▶ [EXERCISE]
Keep only the lines of the material below that contain the word "ROOM". Copy those lines.

▶ [THE DATA]
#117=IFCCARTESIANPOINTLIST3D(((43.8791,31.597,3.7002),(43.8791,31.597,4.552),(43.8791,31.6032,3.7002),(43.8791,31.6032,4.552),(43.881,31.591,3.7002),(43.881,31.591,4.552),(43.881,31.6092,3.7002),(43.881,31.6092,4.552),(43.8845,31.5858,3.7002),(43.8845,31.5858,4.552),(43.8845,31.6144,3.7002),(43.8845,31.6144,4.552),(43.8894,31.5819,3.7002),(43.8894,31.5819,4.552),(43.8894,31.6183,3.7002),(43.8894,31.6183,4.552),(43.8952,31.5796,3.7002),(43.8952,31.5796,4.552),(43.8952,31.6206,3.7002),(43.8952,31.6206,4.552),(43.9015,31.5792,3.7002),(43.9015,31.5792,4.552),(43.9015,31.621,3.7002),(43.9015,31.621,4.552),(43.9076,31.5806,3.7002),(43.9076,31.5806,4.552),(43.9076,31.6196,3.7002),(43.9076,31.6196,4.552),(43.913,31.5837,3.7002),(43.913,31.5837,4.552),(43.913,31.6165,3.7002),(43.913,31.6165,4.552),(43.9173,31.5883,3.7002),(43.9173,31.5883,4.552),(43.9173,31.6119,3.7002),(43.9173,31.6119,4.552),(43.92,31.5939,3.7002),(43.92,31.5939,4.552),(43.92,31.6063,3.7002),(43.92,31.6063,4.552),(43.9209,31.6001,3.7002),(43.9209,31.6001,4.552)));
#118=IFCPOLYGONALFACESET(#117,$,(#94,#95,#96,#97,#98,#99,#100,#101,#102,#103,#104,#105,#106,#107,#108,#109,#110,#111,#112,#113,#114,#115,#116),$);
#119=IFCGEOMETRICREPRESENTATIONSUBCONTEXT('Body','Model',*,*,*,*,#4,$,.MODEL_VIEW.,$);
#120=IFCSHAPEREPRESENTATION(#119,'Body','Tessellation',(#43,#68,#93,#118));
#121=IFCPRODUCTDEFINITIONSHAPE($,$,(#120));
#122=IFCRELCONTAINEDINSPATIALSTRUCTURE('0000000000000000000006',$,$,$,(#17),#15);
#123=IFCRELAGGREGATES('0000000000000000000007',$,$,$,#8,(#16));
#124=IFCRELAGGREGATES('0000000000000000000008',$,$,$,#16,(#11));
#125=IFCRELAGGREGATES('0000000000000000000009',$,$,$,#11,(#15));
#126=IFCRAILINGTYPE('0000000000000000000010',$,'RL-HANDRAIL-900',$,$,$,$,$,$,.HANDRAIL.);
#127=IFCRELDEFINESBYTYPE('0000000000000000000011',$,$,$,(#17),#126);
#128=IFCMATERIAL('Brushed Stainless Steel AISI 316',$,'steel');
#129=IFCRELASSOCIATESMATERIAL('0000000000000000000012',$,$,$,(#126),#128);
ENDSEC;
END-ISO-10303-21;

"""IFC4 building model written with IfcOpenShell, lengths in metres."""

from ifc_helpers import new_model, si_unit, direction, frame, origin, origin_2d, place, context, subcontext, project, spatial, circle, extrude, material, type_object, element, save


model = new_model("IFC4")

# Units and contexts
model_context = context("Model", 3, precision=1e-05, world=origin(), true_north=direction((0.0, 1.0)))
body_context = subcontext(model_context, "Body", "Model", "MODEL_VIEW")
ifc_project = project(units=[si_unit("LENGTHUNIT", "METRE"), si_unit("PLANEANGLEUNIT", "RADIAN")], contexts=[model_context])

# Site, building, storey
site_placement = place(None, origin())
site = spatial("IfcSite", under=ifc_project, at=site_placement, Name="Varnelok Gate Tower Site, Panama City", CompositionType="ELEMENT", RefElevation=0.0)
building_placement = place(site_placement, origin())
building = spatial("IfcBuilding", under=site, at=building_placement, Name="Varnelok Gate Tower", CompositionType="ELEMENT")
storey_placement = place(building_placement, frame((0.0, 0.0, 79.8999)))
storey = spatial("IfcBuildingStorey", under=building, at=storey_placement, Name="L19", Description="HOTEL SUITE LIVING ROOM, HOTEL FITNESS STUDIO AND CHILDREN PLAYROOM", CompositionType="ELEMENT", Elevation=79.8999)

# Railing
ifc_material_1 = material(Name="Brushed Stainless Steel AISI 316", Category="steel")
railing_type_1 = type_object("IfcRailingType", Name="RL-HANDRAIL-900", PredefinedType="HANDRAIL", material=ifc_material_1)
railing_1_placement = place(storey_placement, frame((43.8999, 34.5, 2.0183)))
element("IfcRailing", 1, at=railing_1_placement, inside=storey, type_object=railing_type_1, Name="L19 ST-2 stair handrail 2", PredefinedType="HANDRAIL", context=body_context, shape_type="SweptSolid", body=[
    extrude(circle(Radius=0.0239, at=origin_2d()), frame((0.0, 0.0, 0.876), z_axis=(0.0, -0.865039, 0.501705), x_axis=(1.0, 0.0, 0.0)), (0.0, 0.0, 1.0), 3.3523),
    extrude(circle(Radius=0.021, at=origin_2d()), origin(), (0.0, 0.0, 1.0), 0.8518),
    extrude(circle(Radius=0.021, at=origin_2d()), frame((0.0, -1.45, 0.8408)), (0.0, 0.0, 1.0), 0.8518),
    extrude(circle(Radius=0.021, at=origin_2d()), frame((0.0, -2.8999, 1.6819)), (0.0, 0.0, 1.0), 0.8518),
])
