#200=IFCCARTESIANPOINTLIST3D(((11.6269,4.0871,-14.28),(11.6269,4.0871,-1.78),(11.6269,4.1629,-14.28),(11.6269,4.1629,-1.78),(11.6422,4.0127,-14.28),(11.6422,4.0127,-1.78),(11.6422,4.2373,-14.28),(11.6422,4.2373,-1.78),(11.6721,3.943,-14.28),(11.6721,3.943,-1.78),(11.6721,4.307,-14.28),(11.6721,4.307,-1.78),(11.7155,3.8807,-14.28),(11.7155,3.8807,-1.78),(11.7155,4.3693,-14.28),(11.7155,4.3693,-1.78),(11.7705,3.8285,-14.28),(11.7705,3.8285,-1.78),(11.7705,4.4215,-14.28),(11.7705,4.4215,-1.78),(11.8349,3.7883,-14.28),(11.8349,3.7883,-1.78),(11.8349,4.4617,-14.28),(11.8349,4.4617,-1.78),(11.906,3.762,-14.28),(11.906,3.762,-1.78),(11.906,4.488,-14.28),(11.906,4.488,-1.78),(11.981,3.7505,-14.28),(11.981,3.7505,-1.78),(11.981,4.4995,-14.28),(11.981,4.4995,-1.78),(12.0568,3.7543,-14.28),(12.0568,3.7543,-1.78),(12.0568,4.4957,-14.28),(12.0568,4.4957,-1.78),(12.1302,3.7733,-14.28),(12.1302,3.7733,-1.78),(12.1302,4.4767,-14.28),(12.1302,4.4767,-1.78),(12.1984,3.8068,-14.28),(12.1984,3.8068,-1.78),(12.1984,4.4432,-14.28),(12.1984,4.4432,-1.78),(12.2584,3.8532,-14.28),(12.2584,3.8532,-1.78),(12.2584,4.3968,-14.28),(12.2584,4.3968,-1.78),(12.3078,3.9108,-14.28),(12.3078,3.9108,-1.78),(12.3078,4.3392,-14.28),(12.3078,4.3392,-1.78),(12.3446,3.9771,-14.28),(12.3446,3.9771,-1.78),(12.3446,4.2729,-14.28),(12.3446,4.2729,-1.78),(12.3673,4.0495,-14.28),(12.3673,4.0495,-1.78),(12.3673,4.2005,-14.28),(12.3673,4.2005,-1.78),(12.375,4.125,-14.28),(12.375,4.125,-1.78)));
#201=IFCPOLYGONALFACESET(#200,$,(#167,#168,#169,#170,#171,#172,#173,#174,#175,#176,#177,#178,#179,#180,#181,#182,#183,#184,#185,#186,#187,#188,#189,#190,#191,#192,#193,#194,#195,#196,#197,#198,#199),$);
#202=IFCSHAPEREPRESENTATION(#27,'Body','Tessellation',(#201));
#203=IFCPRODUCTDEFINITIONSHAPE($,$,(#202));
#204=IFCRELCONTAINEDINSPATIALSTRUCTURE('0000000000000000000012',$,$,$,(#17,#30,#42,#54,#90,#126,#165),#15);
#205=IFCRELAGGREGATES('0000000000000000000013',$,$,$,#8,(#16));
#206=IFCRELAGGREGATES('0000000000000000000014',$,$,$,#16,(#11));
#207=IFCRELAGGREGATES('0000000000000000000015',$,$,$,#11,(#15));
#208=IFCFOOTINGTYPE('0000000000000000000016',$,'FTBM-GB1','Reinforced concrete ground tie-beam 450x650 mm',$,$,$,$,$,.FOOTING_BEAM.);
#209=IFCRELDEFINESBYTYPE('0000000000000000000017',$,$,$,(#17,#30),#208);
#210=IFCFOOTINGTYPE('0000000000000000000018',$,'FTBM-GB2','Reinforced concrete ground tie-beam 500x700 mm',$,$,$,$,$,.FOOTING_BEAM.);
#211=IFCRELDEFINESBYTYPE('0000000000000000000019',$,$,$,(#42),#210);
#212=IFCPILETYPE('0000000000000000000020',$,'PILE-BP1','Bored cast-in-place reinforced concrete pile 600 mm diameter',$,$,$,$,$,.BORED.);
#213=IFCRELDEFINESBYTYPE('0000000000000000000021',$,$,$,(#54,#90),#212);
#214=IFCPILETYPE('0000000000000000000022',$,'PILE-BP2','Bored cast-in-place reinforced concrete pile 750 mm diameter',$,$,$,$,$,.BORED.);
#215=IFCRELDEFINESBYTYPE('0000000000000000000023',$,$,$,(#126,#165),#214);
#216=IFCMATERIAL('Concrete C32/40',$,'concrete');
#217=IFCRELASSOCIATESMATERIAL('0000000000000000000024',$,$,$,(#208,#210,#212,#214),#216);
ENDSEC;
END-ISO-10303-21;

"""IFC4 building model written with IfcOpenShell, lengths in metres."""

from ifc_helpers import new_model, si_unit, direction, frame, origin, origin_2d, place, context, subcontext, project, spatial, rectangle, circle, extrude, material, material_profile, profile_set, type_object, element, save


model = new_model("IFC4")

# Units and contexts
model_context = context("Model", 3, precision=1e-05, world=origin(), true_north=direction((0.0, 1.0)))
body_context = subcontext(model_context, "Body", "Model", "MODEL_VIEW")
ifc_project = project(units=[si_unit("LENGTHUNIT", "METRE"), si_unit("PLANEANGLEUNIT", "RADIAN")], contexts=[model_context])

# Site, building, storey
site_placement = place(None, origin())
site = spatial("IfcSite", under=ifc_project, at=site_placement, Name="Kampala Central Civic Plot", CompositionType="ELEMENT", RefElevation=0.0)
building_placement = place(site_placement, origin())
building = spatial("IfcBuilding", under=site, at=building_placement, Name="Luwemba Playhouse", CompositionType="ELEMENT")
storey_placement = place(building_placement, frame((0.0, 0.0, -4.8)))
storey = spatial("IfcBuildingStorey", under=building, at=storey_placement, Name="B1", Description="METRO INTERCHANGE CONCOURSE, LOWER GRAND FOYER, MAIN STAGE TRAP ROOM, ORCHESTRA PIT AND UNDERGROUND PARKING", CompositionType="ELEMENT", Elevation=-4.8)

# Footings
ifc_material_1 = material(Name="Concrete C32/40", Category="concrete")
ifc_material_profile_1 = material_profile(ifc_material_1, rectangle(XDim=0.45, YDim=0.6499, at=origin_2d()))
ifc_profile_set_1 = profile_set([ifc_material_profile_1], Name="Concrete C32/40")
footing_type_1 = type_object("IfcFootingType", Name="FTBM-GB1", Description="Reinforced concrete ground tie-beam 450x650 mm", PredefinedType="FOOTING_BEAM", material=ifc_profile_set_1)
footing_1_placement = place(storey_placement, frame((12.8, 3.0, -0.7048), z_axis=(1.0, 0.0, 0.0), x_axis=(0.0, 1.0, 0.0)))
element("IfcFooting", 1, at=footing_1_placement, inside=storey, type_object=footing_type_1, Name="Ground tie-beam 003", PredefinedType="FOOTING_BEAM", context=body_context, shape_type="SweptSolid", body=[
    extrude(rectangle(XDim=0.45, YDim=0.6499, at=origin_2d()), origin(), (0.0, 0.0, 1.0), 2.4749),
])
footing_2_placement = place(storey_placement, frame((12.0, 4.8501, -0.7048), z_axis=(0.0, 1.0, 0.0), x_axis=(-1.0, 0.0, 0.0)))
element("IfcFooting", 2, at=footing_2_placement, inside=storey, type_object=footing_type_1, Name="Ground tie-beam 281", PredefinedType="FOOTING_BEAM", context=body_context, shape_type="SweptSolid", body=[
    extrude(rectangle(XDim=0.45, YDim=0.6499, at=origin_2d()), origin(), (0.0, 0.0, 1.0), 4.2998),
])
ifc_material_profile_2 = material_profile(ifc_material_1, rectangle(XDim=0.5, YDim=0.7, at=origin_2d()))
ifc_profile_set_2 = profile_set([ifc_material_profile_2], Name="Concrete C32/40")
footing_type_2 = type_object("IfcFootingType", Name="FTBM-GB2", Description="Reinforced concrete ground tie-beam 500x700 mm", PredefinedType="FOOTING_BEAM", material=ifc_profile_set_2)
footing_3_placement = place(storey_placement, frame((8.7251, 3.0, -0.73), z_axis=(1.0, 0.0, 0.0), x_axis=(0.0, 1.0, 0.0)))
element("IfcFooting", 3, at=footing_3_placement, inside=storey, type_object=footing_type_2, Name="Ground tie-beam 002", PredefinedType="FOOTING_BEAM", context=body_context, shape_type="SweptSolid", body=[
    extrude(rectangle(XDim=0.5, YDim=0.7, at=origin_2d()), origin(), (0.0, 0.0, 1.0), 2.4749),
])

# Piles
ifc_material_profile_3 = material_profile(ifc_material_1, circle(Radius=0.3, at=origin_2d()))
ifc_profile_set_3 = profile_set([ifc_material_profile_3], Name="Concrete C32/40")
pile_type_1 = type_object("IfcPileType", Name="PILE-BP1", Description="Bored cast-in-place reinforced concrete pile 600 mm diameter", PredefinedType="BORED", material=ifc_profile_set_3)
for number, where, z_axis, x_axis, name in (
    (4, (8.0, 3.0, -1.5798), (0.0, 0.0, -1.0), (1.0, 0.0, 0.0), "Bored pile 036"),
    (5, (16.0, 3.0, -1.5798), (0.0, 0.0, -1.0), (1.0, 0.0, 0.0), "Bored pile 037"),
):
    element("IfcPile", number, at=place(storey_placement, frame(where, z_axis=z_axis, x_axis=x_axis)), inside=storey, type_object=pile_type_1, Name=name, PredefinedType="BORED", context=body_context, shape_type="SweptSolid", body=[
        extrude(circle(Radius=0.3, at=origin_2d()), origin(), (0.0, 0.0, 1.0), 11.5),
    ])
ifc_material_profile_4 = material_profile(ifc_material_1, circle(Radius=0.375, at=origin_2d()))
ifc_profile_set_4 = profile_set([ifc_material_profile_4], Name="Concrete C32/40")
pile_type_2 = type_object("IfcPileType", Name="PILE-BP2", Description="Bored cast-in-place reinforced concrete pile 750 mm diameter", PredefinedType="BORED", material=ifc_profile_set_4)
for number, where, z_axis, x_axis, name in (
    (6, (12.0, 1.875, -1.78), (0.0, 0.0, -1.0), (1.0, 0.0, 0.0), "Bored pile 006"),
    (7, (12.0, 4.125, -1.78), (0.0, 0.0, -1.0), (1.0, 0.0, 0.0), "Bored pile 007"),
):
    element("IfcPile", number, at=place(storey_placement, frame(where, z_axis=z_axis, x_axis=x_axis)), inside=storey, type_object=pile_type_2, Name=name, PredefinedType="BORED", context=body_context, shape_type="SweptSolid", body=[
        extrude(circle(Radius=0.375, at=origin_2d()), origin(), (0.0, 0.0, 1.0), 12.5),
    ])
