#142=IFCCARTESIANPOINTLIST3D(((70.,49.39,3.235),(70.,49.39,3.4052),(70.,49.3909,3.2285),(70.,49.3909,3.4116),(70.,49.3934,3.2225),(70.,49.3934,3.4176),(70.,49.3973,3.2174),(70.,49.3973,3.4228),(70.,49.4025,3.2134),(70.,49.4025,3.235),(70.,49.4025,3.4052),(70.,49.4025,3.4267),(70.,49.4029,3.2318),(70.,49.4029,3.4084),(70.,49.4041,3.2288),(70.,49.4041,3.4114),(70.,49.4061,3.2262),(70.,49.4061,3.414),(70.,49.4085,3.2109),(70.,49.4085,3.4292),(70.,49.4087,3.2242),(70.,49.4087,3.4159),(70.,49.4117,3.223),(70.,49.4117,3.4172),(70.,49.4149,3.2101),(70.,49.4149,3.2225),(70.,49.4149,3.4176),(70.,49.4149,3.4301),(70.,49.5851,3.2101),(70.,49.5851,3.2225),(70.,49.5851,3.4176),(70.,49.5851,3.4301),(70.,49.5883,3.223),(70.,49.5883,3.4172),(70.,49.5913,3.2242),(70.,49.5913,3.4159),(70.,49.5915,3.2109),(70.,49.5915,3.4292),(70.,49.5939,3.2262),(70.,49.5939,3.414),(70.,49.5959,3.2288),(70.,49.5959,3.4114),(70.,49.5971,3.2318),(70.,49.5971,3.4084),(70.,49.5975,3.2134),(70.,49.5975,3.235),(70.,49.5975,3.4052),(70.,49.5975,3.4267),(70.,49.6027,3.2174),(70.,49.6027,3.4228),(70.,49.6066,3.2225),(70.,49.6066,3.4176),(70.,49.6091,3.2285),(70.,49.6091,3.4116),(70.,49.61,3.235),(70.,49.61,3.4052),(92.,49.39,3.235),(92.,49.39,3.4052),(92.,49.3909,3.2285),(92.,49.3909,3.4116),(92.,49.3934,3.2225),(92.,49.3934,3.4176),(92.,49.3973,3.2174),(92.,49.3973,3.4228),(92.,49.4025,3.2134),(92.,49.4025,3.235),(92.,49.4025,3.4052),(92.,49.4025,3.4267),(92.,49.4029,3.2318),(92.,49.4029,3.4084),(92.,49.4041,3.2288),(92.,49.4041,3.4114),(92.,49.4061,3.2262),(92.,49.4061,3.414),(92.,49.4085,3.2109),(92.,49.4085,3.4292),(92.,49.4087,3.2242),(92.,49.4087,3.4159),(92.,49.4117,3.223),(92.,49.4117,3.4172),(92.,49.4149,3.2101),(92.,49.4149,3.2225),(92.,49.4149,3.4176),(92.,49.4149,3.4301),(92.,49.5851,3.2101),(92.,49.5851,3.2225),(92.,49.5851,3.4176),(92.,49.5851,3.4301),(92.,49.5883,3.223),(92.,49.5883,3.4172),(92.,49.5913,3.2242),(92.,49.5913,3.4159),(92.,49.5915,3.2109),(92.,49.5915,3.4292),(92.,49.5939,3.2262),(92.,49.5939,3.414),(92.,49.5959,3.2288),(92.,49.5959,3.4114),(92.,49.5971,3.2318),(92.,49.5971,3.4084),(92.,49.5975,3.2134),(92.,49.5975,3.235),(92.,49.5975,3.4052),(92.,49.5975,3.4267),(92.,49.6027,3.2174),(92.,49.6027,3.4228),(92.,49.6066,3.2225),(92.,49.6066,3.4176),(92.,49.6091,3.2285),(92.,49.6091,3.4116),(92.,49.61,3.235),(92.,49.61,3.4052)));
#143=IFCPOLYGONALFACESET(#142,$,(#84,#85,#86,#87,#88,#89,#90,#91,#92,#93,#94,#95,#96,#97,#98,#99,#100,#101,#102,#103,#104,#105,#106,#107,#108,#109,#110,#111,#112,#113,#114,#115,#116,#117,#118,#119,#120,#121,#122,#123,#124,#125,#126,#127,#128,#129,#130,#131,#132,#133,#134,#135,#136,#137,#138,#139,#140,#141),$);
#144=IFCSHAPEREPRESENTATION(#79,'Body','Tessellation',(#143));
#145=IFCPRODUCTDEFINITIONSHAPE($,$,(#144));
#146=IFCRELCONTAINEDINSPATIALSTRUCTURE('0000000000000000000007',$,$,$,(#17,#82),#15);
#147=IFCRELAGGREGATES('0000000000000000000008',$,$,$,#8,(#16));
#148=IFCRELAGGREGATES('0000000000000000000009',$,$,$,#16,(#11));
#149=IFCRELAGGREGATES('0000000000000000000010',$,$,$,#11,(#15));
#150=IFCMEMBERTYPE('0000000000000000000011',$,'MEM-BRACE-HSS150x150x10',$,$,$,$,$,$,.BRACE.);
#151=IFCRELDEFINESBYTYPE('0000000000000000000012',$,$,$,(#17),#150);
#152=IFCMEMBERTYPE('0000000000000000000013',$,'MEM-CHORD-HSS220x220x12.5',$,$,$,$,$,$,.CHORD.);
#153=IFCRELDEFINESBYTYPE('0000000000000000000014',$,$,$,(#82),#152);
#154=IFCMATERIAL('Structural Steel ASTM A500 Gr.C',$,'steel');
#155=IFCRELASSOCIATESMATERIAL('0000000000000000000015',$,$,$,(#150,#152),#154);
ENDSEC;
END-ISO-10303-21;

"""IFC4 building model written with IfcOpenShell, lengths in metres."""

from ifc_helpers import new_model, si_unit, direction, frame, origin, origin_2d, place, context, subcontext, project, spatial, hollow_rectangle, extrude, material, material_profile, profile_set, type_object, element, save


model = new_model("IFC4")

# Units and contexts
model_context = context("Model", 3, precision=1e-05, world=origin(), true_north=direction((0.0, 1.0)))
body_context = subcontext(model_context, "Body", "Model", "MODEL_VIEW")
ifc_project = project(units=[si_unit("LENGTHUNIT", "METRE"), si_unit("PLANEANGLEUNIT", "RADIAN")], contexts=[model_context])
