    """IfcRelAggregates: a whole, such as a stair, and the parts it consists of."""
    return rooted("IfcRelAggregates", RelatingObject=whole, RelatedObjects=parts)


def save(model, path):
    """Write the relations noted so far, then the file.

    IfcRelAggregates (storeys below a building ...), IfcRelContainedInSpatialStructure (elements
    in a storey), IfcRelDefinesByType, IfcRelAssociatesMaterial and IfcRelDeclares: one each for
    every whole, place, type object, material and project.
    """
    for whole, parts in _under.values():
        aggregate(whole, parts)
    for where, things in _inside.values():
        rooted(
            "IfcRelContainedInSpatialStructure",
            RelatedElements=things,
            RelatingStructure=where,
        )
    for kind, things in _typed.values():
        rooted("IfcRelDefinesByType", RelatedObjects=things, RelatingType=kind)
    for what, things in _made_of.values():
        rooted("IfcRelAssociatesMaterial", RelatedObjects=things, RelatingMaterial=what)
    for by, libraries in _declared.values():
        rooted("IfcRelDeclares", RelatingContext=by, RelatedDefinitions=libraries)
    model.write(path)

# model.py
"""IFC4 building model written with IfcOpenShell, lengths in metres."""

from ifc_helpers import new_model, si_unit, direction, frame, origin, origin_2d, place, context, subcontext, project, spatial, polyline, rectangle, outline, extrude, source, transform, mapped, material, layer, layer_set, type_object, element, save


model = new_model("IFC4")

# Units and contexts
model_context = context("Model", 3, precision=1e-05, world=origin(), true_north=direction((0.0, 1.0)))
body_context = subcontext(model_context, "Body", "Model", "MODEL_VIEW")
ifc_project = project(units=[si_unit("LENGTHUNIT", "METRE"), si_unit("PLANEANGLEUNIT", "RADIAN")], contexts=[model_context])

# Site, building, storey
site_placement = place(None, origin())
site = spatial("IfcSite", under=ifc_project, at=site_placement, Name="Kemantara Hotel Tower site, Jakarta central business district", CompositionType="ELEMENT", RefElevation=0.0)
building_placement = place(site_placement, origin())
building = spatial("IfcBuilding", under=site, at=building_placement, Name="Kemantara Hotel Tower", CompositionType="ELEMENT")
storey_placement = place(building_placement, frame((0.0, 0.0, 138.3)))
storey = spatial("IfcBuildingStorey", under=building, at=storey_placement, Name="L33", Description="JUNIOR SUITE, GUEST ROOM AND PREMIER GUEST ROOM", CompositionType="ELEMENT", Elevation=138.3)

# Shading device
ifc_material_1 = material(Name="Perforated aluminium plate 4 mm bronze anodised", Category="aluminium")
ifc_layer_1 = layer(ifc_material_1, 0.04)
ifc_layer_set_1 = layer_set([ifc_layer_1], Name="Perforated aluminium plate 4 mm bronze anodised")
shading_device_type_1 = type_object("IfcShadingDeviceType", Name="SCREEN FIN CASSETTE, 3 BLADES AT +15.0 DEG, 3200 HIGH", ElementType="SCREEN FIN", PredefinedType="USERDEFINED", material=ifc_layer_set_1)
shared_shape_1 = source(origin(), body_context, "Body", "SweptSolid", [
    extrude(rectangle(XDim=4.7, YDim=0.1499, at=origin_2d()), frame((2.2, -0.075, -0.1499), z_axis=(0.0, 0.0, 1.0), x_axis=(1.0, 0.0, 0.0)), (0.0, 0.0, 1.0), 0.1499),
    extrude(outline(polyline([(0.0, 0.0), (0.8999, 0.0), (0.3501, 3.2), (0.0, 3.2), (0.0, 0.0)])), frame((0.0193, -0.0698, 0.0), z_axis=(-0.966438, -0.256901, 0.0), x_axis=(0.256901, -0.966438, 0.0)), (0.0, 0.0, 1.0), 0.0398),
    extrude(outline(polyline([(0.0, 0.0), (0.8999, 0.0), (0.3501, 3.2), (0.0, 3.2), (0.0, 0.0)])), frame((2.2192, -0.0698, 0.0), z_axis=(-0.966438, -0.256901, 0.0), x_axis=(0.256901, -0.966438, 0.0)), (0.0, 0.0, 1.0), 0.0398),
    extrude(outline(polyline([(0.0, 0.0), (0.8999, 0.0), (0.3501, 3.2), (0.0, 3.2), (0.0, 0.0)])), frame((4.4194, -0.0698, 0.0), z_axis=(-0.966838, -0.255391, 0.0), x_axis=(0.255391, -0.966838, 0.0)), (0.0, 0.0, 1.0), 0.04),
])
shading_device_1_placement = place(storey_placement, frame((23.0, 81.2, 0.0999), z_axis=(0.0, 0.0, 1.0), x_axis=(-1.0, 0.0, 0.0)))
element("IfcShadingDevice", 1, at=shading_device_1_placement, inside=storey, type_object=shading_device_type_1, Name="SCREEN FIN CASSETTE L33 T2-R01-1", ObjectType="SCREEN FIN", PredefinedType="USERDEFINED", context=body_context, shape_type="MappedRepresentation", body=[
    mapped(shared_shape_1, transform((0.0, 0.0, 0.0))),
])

▶ [TASK RESPONSE]
storey = spatial("IfcBuildingStorey", under=building, at=storey_placement, Name="L19", Description="HOTEL SUITE LIVING ROOM, HOTEL FITNESS STUDIO AND CHILDREN PLAYROOM", CompositionType="ELEMENT", Elevation=79.8999)
storey = spatial("IfcBuildingStorey", under=building, at=storey_placement, Name="B1", Description="METRO INTERCHANGE CONCOURSE, LOWER GRAND FOYER, MAIN STAGE TRAP ROOM, ORCHESTRA PIT AND UNDERGROUND PARKING", CompositionType="ELEMENT", Elevation=-4.8)
storey = spatial("IfcBuildingStorey", under=building, at=storey_placement, Name="L33", Description="JUNIOR SUITE, GUEST ROOM AND PREMIER GUEST ROOM", CompositionType="ELEMENT", Elevation=138.3)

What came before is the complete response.